# Material for this exercise
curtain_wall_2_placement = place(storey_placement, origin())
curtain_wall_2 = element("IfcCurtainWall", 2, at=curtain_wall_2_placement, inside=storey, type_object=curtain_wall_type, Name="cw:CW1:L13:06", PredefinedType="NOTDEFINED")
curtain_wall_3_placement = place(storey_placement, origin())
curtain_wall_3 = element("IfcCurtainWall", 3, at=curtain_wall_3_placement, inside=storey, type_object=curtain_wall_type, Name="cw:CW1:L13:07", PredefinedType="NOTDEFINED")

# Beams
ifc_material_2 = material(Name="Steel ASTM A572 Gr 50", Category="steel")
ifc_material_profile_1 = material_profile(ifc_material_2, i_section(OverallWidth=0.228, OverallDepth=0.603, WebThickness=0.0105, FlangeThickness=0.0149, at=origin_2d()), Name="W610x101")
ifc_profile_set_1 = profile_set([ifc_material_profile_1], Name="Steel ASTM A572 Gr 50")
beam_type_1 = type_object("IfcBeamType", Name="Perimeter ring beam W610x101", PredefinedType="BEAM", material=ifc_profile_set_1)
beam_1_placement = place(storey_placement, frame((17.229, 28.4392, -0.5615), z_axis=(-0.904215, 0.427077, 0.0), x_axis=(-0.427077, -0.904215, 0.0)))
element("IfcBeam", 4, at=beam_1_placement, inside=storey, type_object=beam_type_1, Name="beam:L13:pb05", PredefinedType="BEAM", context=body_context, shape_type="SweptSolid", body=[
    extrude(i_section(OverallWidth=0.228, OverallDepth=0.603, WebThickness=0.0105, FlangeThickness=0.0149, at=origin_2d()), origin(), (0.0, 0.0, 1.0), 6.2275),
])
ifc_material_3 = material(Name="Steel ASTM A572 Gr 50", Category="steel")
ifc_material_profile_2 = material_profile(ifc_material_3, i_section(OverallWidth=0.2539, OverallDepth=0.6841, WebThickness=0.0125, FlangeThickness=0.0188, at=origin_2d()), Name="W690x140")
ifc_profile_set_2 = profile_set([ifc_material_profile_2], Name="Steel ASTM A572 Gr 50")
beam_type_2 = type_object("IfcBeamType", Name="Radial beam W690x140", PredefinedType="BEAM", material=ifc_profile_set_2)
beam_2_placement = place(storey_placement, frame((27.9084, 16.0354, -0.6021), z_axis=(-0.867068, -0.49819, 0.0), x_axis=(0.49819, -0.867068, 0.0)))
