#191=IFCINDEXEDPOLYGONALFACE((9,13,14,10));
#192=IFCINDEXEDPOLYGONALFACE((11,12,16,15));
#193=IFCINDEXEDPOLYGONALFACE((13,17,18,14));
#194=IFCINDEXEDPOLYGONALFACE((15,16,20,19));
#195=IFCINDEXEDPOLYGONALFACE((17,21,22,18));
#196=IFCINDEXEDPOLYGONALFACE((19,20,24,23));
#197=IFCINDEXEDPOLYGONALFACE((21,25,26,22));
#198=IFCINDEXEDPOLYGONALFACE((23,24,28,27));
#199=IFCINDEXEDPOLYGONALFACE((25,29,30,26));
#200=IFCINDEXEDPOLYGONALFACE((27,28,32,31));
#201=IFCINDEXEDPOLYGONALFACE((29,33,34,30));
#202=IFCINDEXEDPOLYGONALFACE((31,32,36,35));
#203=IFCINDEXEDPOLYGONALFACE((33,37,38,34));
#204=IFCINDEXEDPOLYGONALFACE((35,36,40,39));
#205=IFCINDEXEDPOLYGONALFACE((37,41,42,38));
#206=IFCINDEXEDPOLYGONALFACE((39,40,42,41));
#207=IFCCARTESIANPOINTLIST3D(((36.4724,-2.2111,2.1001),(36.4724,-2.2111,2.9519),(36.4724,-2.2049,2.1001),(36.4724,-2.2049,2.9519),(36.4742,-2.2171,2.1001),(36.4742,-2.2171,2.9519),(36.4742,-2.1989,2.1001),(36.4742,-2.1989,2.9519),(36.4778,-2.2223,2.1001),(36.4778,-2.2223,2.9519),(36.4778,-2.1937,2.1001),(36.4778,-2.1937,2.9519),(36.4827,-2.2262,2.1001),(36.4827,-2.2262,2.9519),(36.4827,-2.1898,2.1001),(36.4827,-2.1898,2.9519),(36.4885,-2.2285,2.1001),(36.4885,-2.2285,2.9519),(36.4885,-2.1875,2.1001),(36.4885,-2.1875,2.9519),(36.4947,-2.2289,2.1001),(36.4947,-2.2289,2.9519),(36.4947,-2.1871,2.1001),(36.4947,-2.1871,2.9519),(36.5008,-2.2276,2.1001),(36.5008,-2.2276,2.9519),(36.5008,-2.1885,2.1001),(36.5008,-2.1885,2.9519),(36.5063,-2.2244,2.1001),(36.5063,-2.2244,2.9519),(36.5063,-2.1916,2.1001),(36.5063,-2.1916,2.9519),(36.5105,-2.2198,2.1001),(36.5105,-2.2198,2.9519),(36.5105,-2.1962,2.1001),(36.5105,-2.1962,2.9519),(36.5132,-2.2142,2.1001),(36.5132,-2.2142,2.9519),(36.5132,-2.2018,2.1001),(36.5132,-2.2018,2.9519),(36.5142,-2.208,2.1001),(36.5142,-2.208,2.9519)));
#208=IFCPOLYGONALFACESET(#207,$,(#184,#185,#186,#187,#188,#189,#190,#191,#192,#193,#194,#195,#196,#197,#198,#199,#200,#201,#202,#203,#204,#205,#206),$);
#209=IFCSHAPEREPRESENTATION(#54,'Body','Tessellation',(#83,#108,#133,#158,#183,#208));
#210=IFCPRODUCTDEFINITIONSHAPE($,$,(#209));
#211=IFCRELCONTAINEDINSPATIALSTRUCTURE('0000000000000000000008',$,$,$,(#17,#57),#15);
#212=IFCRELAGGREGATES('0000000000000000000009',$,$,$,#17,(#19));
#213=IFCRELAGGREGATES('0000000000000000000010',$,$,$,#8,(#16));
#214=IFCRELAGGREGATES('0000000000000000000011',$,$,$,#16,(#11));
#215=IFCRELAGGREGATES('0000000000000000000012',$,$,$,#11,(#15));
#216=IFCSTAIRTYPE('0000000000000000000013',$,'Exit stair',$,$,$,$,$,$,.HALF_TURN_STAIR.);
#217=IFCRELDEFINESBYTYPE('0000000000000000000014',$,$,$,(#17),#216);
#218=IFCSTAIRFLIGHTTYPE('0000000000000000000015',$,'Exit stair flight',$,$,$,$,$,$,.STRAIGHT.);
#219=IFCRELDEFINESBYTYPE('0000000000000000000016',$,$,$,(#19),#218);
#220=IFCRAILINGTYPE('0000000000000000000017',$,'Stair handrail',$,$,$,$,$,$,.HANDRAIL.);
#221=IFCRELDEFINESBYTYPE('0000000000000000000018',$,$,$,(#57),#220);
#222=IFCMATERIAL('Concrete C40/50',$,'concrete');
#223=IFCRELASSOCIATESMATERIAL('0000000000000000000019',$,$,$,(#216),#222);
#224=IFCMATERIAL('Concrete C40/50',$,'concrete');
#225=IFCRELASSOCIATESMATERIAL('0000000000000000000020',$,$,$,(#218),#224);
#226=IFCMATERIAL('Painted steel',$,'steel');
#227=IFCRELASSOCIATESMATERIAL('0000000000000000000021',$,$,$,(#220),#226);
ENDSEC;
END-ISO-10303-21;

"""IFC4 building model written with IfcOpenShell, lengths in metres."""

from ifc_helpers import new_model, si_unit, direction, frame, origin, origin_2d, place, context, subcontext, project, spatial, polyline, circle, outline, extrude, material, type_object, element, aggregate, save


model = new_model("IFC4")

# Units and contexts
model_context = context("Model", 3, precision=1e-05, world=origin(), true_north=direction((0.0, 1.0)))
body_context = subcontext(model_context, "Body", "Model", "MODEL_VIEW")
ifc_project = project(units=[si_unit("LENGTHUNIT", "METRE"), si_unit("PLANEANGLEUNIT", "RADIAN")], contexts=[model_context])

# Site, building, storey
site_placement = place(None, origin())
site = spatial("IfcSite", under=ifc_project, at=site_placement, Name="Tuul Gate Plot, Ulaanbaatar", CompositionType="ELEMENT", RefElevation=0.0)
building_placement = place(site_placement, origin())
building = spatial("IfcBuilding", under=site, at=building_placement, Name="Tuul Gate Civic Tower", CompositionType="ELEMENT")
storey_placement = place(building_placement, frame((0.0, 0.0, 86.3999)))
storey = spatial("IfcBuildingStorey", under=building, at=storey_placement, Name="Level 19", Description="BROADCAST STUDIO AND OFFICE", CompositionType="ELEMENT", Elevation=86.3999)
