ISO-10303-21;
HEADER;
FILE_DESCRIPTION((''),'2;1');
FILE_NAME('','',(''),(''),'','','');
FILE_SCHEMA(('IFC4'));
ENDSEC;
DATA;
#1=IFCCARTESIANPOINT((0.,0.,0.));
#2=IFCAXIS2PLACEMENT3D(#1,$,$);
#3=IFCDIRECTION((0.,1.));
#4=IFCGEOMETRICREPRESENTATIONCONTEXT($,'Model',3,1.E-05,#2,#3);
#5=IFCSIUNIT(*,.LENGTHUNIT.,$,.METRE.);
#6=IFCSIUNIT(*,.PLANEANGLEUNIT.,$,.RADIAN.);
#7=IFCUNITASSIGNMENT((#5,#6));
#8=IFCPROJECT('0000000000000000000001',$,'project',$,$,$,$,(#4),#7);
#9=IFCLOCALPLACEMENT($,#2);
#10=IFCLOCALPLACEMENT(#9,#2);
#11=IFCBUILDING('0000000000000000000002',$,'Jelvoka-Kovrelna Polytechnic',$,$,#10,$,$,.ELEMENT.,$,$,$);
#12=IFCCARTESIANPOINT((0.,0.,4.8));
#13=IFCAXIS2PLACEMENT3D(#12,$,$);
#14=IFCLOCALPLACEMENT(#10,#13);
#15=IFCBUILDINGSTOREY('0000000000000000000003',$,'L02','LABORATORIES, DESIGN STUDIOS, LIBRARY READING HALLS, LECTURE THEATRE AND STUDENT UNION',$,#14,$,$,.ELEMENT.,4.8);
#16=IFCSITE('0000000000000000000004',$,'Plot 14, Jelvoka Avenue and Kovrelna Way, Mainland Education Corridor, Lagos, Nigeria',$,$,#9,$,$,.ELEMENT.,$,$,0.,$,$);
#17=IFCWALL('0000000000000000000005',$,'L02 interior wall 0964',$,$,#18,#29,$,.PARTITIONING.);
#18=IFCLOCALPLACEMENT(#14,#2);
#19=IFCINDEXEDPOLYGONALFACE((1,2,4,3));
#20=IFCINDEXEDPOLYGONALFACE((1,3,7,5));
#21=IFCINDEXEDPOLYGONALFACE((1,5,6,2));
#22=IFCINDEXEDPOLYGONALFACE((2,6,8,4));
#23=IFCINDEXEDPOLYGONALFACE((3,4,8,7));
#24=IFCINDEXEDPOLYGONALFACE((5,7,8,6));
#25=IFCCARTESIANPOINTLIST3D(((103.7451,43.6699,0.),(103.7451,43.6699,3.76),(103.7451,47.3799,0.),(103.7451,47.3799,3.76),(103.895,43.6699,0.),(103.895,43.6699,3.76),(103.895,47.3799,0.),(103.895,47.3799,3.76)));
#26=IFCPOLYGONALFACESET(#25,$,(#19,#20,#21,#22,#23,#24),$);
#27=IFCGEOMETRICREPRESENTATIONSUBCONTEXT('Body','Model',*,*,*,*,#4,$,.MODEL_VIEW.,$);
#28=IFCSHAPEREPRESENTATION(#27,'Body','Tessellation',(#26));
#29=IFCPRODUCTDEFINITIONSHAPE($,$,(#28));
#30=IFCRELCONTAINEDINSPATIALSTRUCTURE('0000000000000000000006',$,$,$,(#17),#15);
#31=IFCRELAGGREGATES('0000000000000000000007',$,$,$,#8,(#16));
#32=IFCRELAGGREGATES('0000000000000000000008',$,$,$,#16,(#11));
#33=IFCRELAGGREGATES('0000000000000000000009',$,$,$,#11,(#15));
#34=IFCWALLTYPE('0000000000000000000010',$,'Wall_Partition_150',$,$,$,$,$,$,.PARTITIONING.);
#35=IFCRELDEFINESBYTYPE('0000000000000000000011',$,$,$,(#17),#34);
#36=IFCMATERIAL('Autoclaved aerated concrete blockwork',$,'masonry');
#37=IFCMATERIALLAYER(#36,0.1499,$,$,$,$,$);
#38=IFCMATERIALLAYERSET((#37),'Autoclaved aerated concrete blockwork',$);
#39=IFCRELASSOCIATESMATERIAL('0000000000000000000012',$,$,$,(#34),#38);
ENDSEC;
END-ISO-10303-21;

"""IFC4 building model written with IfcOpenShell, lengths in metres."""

from ifc_helpers import new_model, si_unit, direction, frame, frame_2d, origin, place, context, subcontext, project, spatial, rectangle, extrude, material, layer, layer_set, type_object, element, save


model = new_model("IFC4")

# Units and contexts
model_context = context("Model", 3, precision=1e-05, world=origin(), true_north=direction((0.0, 1.0)))
body_context = subcontext(model_context, "Body", "Model", "MODEL_VIEW")
ifc_project = project(units=[si_unit("LENGTHUNIT", "METRE"), si_unit("PLANEANGLEUNIT", "RADIAN")], contexts=[model_context])

# Site, building, storey
site_placement = place(None, origin())
site = spatial("IfcSite", under=ifc_project, at=site_placement, Name="Plot 14, Jelvoka Avenue and Kovrelna Way, Mainland Education Corridor, Lagos, Nigeria", CompositionType="ELEMENT", RefElevation=0.0)
building_placement = place(site_placement, origin())
building = spatial("IfcBuilding", under=site, at=building_placement, Name="Jelvoka-Kovrelna Polytechnic", CompositionType="ELEMENT")
storey_placement = place(building_placement, frame((0.0, 0.0, 4.8)))
storey = spatial("IfcBuildingStorey", under=building, at=storey_placement, Name="L02", Description="LABORATORIES, DESIGN STUDIOS, LIBRARY READING HALLS, LECTURE THEATRE AND STUDENT UNION", CompositionType="ELEMENT", Elevation=4.8)

# Wall
ifc_material_1 = material(Name="Autoclaved aerated concrete blockwork", Category="masonry")
ifc_layer_1 = layer(ifc_material_1, 0.1499)
ifc_layer_set_1 = layer_set([ifc_layer_1], Name="Autoclaved aerated concrete blockwork")
wall_type_1 = type_object("IfcWallType", Name="Wall_Partition_150", PredefinedType="PARTITIONING", material=ifc_layer_set_1)
wall_1_placement = place(storey_placement, frame((103.8201, 43.6699, 0.0), z_axis=(0.0, 0.0, 1.0), x_axis=(0.0, 1.0, 0.0)))
element("IfcWall", 1, at=wall_1_placement, inside=storey, type_object=wall_type_1, Name="L02 interior wall 0964", PredefinedType="PARTITIONING", context=body_context, shape_type="SweptSolid", body=[
    extrude(rectangle(XDim=3.71, YDim=0.1499, at=frame_2d((1.855, 0.0))), origin(), (0.0, 0.0, 1.0), 3.76),
])

save(model, "model.ifc")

# Task brief
Wherever the string "OverallDepth" appears in a line above, copy that line.

# Result of this exercise
ifc_material_profile_1 = material_profile(ifc_material_2, i_section(OverallWidth=0.228, OverallDepth=0.603, WebThickness=0.0105, FlangeThickness=0.0149, at=origin_2d()), Name="W610x101")
    extrude(i_section(OverallWidth=0.228, OverallDepth=0.603, WebThickness=0.0105, FlangeThickness=0.0149, at=origin_2d()), origin(), (0.0, 0.0, 1.0), 6.2275),
ifc_material_profile_2 = material_profile(ifc_material_3, i_section(OverallWidth=0.2539, OverallDepth=0.6841, WebThickness=0.0125, FlangeThickness=0.0188, at=origin_2d()), Name="W690x140")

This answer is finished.